TASK DIRECTIONS:
Extract from the entries below, exactly as given, only the lines from the line containing "#176=IFCRELAGGREGATES('0000000000000000000012',$,$,$,#16,(#11));" to the line containing "building model written", both lines included.

[Dataset entries]
== Segment start ==

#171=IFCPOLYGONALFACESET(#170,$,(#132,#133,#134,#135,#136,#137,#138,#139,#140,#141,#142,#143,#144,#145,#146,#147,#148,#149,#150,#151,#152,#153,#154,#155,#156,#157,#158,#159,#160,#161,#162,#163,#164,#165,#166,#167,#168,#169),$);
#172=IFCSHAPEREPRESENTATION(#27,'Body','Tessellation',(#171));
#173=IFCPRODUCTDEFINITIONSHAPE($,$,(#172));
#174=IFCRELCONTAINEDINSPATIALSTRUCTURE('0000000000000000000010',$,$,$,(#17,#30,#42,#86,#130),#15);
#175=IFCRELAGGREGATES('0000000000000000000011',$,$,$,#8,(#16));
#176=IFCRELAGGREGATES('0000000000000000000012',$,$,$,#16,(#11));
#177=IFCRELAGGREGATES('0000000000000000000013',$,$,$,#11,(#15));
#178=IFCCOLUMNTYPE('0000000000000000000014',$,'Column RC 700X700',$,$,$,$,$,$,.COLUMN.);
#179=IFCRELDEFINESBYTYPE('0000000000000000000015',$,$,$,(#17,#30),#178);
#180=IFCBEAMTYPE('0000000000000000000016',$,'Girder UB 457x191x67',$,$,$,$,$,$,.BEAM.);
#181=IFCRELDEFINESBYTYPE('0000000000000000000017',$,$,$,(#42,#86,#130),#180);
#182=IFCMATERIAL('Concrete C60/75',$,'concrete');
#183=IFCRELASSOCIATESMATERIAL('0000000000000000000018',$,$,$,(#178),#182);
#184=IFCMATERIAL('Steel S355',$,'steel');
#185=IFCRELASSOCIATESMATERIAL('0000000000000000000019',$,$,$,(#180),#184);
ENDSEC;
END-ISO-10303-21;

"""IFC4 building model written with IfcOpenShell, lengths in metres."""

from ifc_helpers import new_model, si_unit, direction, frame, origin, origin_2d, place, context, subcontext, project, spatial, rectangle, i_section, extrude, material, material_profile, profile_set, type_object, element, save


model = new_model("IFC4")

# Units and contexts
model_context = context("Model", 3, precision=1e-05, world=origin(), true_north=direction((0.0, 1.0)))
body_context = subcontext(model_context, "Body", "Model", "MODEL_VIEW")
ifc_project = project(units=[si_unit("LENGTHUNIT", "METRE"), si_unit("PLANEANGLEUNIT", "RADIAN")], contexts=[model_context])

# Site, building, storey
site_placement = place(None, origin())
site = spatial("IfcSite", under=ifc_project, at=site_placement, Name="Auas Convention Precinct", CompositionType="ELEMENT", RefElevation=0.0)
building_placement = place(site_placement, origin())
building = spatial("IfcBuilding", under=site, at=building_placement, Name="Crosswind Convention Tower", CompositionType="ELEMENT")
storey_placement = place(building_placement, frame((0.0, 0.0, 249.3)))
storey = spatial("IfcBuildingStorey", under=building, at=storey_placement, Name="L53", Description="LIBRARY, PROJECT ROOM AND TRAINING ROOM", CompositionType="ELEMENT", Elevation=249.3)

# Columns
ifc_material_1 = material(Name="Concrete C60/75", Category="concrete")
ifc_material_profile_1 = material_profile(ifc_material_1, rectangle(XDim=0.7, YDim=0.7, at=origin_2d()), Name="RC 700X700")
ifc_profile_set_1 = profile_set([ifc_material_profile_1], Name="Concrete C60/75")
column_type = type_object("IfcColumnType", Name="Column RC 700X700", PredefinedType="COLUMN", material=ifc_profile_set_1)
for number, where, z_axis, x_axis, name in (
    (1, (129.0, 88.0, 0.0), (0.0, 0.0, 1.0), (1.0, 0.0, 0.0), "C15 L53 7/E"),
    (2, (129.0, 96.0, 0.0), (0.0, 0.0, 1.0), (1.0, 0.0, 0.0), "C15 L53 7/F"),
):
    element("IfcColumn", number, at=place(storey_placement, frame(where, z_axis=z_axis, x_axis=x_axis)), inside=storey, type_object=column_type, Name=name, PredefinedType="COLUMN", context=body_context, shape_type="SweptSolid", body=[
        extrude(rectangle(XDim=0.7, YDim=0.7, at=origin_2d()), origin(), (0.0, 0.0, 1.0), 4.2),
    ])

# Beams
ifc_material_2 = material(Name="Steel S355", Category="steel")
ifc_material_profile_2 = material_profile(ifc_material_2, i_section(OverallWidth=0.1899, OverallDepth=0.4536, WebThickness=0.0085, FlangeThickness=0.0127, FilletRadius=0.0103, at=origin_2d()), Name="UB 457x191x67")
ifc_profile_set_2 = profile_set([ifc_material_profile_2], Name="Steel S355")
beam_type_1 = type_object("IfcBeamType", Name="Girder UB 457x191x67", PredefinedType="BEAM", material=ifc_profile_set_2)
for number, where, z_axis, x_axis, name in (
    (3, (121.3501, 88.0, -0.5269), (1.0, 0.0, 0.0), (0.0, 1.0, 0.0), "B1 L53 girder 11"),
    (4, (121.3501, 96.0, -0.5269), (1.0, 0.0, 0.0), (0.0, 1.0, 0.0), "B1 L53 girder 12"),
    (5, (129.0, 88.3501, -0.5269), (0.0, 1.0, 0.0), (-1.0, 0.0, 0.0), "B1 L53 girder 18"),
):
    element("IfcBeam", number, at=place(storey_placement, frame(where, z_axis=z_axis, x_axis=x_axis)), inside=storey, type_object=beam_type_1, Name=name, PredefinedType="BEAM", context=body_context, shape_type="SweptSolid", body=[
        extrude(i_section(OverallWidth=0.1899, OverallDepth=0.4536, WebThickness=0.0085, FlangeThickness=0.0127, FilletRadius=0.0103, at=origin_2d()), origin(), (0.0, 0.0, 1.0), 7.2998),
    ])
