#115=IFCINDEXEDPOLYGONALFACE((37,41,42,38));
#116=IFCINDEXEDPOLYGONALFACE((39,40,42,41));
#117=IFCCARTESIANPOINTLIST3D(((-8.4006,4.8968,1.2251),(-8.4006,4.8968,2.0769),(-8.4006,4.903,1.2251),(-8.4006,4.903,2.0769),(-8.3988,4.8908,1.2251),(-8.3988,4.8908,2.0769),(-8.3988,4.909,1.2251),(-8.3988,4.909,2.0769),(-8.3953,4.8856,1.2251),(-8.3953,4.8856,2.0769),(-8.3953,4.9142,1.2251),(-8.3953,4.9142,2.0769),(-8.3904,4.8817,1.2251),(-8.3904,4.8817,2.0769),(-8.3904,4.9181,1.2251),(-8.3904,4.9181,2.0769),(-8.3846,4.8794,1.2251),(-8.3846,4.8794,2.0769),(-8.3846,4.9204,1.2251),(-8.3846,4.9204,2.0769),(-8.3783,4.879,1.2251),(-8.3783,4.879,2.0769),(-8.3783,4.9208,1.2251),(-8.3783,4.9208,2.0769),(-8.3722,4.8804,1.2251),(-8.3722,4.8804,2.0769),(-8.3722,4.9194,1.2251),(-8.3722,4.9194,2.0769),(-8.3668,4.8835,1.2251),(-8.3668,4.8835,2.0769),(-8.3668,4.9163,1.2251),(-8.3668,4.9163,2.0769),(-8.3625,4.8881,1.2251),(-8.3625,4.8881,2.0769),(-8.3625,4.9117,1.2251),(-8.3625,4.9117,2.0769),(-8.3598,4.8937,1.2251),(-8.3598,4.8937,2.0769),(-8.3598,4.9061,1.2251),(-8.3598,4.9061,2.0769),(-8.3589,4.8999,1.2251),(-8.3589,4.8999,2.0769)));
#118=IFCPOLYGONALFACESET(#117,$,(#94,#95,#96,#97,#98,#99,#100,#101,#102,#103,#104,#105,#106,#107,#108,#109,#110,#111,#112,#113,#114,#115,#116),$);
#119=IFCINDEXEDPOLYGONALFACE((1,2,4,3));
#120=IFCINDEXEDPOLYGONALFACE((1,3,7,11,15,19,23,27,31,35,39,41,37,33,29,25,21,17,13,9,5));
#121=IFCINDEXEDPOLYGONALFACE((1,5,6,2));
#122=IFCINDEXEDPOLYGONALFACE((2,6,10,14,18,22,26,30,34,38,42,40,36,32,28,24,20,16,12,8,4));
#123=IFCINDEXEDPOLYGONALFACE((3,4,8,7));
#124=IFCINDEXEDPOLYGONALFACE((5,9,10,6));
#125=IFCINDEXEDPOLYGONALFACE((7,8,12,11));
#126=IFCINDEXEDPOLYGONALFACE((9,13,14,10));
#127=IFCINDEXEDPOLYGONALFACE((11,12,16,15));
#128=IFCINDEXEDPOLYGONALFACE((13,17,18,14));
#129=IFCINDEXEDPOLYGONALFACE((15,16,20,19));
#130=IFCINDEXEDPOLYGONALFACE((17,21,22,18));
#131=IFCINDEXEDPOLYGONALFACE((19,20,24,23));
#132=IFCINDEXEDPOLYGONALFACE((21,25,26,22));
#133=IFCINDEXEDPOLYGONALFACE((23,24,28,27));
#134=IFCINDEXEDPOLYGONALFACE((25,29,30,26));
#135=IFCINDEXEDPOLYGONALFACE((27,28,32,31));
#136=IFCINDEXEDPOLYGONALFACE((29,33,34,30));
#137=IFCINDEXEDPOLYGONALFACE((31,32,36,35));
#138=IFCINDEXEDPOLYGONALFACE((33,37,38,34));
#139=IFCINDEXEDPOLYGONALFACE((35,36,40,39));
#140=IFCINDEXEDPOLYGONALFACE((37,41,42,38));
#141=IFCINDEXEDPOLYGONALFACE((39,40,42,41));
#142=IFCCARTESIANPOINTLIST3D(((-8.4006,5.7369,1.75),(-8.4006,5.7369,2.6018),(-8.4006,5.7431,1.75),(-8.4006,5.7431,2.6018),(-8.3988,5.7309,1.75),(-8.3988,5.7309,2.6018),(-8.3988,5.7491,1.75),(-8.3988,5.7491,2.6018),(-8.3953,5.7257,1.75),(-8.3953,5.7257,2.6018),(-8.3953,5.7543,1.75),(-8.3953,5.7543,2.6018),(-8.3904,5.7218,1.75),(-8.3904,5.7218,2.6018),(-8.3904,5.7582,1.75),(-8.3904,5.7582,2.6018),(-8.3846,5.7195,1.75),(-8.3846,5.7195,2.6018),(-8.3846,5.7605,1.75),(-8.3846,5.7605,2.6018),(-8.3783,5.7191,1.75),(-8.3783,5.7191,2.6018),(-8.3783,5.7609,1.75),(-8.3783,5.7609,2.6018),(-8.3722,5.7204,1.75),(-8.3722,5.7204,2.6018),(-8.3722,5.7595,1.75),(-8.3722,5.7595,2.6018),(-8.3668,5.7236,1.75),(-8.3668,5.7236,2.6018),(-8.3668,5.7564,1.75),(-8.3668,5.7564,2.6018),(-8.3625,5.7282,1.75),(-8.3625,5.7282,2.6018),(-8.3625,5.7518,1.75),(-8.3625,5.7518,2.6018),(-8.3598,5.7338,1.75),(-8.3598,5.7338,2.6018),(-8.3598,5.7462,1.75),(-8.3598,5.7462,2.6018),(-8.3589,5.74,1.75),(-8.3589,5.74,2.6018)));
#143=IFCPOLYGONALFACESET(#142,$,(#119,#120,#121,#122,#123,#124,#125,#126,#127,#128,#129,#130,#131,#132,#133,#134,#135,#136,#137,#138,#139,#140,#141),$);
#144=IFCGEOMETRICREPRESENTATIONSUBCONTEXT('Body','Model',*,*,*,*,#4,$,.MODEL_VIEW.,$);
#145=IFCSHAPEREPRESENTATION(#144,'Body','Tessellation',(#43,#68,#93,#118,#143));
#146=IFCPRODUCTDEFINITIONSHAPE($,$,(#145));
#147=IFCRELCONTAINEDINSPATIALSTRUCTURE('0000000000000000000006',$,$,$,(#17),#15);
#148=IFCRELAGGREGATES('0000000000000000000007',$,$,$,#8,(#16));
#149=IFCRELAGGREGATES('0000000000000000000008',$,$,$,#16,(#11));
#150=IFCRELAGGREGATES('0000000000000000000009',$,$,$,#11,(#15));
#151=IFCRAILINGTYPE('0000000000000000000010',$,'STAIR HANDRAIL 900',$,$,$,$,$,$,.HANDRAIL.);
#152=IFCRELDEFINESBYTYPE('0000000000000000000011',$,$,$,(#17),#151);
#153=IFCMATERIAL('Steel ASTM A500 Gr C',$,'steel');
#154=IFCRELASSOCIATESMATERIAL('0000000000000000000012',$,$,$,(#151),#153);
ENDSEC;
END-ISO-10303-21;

== Segment end ==

EXERCISE SOLUTION:
#176=IFCRELAGGREGATES('0000000000000000000012',$,$,$,#16,(#11));
#177=IFCRELAGGREGATES('0000000000000000000013',$,$,$,#11,(#15));
#178=IFCCOLUMNTYPE('0000000000000000000014',$,'Column RC 700X700',$,$,$,$,$,$,.COLUMN.);
#179=IFCRELDEFINESBYTYPE('0000000000000000000015',$,$,$,(#17,#30),#178);
#180=IFCBEAMTYPE('0000000000000000000016',$,'Girder UB 457x191x67',$,$,$,$,$,$,.BEAM.);
#181=IFCRELDEFINESBYTYPE('0000000000000000000017',$,$,$,(#42,#86,#130),#180);
#182=IFCMATERIAL('Concrete C60/75',$,'concrete');
#183=IFCRELASSOCIATESMATERIAL('0000000000000000000018',$,$,$,(#178),#182);
#184=IFCMATERIAL('Steel S355',$,'steel');
#185=IFCRELASSOCIATESMATERIAL('0000000000000000000019',$,$,$,(#180),#184);
ENDSEC;
END-ISO-10303-21;

"""IFC4 building model written with IfcOpenShell, lengths in metres."""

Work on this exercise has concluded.